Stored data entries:

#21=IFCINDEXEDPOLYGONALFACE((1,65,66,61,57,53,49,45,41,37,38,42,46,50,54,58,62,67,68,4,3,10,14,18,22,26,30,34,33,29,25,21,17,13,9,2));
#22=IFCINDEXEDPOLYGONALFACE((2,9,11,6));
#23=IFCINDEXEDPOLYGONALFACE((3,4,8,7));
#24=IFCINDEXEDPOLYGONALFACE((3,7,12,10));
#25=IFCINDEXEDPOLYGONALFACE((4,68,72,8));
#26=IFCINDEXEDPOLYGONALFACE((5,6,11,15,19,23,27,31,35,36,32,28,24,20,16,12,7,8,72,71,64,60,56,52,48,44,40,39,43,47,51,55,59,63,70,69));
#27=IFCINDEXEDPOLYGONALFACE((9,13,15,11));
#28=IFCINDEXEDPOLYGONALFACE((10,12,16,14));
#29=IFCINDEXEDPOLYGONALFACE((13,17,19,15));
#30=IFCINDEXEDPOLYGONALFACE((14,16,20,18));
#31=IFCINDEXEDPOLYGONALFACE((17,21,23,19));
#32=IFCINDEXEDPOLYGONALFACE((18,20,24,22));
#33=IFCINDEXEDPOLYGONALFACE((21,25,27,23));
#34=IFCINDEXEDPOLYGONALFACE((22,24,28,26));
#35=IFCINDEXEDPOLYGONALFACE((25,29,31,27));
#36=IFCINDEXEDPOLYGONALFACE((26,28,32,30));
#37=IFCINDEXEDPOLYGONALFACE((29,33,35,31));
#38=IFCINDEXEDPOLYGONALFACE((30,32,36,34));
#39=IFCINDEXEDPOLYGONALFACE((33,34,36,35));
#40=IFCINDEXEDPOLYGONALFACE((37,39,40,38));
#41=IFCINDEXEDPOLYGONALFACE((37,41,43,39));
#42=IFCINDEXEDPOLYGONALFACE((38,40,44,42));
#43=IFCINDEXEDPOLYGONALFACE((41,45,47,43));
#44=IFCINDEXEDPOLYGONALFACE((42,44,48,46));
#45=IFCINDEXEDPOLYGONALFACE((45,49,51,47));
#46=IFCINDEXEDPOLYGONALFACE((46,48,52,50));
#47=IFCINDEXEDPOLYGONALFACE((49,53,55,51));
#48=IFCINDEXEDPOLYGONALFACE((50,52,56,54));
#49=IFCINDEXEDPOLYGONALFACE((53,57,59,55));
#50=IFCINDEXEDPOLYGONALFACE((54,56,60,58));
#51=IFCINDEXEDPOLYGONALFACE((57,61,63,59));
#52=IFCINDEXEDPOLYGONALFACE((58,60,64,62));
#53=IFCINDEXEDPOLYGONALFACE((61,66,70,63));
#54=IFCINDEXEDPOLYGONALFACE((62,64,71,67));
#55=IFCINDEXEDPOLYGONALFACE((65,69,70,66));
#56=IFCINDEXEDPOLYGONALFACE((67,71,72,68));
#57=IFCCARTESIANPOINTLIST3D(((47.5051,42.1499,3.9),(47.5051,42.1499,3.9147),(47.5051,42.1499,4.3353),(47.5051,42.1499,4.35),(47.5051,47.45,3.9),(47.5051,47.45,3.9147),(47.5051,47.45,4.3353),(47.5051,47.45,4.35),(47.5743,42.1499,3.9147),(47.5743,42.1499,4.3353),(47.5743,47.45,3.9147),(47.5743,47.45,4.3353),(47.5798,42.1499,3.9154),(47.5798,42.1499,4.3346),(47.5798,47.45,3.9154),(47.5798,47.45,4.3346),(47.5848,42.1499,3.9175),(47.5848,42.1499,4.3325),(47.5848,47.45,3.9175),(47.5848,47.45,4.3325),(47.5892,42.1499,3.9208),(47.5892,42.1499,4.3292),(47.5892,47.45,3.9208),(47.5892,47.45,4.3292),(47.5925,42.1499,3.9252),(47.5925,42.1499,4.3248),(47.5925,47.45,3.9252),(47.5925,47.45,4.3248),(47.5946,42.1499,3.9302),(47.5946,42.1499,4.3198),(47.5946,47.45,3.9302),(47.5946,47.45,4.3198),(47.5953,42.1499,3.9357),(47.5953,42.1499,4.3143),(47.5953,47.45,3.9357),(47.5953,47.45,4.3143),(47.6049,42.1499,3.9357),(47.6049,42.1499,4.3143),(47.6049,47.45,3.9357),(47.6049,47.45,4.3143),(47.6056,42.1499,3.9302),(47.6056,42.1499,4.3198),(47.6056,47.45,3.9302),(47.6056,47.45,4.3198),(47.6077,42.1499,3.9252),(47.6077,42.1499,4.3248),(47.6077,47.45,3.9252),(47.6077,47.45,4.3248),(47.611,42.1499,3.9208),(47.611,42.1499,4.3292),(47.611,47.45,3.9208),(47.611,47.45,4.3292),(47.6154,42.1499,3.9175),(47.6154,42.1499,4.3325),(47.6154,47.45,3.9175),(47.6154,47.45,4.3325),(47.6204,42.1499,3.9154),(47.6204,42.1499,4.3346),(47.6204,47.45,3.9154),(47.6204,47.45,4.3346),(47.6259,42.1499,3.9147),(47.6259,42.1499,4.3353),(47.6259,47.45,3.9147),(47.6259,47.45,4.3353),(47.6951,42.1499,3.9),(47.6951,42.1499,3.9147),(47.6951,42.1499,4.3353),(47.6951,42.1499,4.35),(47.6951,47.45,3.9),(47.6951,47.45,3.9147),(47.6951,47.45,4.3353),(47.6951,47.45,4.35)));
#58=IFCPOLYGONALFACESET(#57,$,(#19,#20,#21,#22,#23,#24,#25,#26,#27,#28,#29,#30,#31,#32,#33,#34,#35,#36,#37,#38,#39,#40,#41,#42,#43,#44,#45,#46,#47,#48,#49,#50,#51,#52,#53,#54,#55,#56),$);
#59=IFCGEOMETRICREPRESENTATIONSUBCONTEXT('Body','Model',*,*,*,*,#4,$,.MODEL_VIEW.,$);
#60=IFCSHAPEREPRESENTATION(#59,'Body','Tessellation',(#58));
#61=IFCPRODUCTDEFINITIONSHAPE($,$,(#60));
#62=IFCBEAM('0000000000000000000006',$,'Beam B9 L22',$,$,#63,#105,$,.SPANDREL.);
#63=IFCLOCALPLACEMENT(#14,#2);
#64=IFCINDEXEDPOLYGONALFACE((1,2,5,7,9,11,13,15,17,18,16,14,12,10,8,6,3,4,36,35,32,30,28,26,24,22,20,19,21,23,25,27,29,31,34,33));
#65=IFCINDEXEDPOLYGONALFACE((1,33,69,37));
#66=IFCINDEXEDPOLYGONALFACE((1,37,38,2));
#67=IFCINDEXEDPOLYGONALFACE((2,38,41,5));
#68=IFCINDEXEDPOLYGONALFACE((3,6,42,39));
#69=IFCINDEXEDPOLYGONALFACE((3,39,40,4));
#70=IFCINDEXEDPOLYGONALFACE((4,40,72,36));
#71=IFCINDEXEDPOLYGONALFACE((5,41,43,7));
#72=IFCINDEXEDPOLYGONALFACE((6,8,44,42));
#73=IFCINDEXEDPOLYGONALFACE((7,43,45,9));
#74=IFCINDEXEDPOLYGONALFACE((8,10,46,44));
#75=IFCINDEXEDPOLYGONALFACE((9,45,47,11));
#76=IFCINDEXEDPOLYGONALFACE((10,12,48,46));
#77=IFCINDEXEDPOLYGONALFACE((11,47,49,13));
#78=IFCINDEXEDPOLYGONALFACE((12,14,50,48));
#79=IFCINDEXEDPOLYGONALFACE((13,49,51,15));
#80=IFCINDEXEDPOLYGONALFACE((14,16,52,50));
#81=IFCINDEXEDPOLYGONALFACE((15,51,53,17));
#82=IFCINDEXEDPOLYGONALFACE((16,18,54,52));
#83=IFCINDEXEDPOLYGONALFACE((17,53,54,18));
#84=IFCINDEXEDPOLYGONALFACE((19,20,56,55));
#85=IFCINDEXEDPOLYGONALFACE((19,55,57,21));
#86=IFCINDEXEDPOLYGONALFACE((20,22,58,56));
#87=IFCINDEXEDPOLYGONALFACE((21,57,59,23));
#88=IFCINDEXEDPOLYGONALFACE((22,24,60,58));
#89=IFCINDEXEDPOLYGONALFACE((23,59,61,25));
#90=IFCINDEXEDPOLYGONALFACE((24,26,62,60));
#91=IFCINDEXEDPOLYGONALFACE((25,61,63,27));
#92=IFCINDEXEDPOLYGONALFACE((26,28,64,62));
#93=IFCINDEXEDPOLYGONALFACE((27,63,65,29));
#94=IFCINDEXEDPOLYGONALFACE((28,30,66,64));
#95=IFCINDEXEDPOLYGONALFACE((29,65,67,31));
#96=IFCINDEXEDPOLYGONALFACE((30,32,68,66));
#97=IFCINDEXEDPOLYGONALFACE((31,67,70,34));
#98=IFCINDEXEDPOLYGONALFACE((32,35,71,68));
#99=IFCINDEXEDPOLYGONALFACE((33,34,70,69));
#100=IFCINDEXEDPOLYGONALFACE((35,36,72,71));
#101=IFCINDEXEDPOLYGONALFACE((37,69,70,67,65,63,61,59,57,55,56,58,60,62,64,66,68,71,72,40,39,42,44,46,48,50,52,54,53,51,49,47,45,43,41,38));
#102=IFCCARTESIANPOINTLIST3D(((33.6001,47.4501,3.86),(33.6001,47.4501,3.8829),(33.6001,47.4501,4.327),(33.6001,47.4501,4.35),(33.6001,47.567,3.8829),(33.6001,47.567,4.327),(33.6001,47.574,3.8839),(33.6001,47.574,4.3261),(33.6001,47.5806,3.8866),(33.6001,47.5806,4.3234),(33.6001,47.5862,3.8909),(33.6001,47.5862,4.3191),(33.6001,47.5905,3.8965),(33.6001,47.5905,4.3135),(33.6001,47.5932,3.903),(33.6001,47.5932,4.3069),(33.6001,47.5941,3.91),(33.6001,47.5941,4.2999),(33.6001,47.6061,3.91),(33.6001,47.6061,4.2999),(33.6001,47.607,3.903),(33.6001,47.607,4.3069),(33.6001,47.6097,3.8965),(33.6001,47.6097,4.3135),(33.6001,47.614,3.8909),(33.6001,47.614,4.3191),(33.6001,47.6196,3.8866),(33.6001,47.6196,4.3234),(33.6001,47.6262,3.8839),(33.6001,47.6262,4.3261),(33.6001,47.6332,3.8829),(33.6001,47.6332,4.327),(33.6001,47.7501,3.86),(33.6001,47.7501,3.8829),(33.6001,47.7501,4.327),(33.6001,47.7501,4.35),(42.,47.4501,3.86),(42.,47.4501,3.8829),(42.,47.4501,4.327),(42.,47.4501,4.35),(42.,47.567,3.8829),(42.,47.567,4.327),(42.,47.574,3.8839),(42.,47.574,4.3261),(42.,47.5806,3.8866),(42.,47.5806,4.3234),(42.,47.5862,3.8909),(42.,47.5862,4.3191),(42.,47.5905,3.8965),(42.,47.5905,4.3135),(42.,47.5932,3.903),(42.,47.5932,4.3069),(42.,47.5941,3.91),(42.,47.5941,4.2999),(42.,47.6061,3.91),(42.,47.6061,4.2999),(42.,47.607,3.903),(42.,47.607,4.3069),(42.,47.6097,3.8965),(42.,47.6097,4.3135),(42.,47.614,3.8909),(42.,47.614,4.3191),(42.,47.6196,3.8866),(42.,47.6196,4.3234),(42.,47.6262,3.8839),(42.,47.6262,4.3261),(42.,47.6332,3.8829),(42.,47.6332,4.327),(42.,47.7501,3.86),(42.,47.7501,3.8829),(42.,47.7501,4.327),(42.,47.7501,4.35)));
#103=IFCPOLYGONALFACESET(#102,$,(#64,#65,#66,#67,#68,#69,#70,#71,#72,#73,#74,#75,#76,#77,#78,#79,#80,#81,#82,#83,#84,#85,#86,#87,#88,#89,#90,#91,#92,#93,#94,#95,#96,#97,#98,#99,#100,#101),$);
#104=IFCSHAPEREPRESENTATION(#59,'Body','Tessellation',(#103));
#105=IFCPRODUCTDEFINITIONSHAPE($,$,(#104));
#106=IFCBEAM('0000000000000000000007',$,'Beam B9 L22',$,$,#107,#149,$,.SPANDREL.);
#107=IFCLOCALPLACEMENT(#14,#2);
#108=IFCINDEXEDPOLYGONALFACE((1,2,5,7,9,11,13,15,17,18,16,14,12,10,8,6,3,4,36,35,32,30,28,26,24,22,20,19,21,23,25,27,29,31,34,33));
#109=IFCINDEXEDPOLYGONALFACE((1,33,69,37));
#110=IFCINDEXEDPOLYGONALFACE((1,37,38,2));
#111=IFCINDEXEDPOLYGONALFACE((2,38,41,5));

▶ **THE TASK**: Go through the records. Copy each line where "IFCPRODUCTDEFINITIONSHAPE" appears.

▶ **REPLY TO THE EXERCISE**:
#61=IFCPRODUCTDEFINITIONSHAPE($,$,(#60));
#105=IFCPRODUCTDEFINITIONSHAPE($,$,(#104));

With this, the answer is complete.